* _ACTIVITY_: The output should be every line below that includes the word "IfcRelDeclares".

* _DATA TO USE_:
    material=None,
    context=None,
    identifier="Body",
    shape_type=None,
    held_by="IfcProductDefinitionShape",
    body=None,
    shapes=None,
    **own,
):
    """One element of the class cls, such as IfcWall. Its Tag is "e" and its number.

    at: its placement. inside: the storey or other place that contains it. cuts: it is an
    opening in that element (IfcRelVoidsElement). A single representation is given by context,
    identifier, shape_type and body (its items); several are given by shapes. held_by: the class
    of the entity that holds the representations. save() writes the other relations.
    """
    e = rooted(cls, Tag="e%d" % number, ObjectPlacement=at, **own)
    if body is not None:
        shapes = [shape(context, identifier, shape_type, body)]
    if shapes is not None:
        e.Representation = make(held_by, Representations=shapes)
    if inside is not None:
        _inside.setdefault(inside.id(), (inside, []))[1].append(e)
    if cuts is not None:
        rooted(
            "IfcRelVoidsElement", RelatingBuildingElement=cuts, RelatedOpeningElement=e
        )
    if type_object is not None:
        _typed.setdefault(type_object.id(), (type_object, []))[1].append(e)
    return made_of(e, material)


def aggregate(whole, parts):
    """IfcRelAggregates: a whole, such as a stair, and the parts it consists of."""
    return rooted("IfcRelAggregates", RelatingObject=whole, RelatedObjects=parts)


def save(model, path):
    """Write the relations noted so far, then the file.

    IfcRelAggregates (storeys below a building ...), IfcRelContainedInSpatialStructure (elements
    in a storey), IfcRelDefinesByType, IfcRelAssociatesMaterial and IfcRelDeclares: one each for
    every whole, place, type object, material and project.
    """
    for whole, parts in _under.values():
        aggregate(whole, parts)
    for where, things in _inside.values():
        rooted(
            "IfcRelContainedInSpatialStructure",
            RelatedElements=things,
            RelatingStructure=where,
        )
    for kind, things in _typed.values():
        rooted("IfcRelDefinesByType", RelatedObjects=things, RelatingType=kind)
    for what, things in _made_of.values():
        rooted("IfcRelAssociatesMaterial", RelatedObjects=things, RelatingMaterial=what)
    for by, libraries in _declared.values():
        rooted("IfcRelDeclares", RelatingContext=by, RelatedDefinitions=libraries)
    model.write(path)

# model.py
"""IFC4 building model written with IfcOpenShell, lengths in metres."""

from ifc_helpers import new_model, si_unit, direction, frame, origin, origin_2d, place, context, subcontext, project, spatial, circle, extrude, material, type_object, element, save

---

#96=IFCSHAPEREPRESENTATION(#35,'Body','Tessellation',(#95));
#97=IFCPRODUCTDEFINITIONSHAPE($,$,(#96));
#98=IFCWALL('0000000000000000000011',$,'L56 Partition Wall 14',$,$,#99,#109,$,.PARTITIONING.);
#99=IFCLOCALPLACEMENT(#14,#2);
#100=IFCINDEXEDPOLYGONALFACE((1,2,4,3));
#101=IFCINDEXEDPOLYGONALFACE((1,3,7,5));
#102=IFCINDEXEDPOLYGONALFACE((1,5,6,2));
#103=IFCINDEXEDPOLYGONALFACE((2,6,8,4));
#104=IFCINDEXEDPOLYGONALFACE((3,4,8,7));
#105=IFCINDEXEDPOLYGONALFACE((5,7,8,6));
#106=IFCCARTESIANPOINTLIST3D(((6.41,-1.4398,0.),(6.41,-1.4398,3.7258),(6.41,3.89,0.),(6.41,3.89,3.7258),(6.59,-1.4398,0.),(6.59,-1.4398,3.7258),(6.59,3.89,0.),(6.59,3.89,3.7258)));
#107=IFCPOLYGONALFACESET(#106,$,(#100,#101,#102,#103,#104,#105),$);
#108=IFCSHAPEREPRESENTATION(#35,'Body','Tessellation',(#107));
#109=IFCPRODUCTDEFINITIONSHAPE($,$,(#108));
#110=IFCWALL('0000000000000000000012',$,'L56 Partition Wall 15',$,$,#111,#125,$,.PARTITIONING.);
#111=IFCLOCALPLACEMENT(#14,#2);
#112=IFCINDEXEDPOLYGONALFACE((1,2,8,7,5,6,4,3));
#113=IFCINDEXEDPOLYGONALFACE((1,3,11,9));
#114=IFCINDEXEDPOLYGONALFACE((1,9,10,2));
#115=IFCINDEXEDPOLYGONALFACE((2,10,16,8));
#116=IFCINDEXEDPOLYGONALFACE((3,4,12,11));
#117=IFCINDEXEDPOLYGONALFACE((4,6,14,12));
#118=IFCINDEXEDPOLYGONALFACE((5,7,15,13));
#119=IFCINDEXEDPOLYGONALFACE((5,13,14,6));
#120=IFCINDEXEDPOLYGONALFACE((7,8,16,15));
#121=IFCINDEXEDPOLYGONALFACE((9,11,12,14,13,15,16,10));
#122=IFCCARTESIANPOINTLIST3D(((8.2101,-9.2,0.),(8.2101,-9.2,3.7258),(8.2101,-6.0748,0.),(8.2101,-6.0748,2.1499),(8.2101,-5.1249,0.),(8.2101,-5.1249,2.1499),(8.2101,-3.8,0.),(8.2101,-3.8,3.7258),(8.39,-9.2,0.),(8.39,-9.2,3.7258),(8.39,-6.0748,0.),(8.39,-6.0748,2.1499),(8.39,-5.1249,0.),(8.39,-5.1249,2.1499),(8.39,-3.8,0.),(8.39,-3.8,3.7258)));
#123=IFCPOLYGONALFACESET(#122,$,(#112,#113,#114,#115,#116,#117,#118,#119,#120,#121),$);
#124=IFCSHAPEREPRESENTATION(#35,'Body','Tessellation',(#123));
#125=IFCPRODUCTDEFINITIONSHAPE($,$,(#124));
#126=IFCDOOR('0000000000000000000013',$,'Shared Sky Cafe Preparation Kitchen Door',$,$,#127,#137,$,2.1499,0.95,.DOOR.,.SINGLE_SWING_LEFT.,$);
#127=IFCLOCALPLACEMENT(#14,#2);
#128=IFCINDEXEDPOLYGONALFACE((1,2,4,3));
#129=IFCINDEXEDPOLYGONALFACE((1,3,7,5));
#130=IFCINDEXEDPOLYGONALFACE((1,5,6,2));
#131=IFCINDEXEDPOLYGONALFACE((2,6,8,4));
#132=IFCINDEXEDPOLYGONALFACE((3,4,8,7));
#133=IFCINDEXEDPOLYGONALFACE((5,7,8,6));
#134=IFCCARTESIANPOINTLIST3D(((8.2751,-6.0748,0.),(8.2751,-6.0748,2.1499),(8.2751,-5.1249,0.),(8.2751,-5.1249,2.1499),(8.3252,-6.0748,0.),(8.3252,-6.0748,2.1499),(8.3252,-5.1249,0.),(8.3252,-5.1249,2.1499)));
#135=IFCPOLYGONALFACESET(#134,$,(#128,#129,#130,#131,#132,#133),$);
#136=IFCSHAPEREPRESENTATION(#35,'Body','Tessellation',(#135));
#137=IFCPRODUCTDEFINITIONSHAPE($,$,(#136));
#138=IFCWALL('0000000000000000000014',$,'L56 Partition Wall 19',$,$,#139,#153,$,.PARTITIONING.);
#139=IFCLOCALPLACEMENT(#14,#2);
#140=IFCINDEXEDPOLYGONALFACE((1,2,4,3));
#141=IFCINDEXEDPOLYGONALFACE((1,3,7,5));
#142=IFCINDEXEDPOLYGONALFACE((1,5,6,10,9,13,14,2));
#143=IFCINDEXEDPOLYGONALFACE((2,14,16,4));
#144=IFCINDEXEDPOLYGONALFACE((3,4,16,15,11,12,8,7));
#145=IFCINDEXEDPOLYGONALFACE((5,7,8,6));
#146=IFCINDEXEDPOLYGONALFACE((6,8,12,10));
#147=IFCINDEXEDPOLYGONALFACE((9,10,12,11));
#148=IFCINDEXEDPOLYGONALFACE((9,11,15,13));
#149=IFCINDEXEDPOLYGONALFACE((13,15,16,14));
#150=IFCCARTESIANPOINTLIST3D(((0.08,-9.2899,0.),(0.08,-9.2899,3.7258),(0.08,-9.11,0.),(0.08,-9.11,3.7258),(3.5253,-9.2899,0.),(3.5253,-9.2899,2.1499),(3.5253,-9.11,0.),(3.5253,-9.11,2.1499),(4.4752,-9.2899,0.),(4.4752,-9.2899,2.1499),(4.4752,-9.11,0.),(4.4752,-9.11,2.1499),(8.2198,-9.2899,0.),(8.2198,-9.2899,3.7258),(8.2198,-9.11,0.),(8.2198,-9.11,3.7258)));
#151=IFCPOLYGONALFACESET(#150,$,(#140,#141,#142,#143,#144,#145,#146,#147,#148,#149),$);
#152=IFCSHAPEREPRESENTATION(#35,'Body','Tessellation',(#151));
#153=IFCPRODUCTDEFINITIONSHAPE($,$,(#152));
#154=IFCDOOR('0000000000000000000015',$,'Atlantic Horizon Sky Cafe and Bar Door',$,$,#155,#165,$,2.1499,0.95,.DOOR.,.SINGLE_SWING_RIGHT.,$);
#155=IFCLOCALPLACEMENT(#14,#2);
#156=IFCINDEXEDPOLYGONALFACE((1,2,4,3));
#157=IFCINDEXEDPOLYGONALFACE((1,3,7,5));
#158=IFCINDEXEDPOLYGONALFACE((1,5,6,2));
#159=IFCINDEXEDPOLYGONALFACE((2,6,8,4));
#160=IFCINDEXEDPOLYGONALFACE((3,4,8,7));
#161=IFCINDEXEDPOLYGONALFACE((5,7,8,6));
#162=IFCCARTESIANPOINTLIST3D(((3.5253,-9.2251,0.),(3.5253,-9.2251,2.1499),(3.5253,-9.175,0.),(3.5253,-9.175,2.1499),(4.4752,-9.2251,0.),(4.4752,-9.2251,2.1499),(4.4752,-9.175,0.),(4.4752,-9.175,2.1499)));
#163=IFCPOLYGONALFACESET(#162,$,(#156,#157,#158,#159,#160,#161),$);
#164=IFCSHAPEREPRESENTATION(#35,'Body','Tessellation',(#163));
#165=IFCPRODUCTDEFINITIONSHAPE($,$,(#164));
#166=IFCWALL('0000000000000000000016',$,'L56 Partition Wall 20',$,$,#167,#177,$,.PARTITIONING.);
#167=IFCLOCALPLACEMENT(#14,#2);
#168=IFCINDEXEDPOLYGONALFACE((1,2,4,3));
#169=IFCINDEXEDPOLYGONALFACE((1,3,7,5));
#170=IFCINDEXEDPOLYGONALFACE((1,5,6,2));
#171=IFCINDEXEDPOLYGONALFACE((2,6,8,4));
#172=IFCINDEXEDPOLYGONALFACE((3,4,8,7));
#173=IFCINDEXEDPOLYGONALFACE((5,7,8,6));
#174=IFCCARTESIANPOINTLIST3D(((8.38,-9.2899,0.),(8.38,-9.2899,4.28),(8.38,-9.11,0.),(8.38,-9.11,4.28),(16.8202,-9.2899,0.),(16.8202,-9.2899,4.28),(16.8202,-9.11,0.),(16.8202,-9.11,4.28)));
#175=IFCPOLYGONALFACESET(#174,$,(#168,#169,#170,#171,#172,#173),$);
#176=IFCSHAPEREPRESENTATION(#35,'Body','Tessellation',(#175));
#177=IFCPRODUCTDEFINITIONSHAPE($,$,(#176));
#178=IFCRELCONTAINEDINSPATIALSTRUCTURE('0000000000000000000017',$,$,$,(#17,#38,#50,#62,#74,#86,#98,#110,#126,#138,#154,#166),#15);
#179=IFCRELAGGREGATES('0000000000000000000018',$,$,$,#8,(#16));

* * *

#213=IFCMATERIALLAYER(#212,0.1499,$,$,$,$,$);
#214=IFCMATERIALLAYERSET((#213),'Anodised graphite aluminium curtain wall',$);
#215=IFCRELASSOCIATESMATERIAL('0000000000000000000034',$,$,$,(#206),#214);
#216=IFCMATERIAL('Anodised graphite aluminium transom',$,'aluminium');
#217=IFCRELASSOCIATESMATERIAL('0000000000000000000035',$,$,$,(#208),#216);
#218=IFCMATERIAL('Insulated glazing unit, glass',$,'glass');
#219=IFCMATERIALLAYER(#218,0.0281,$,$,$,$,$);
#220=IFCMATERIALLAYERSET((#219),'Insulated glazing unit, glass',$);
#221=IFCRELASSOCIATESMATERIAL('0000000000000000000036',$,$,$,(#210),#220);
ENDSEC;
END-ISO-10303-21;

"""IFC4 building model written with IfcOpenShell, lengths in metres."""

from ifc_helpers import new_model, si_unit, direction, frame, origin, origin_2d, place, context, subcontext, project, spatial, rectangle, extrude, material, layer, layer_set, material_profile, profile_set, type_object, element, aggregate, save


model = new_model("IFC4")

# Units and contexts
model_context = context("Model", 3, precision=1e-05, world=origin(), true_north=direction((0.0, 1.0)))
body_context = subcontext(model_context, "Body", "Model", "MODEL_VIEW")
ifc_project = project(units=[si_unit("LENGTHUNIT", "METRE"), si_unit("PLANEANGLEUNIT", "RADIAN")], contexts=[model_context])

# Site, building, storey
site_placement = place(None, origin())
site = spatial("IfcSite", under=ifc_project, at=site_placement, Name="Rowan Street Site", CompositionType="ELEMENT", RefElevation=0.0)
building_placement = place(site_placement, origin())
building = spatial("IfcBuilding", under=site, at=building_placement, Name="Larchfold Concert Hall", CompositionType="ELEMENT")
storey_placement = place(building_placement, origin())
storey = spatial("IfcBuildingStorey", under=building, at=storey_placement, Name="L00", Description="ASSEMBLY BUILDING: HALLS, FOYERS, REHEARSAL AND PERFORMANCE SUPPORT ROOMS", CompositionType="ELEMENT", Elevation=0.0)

* _WRITTEN RESPONSE_:
    in a storey), IfcRelDefinesByType, IfcRelAssociatesMaterial and IfcRelDeclares: one each for
        rooted("IfcRelDeclares", RelatingContext=by, RelatedDefinitions=libraries)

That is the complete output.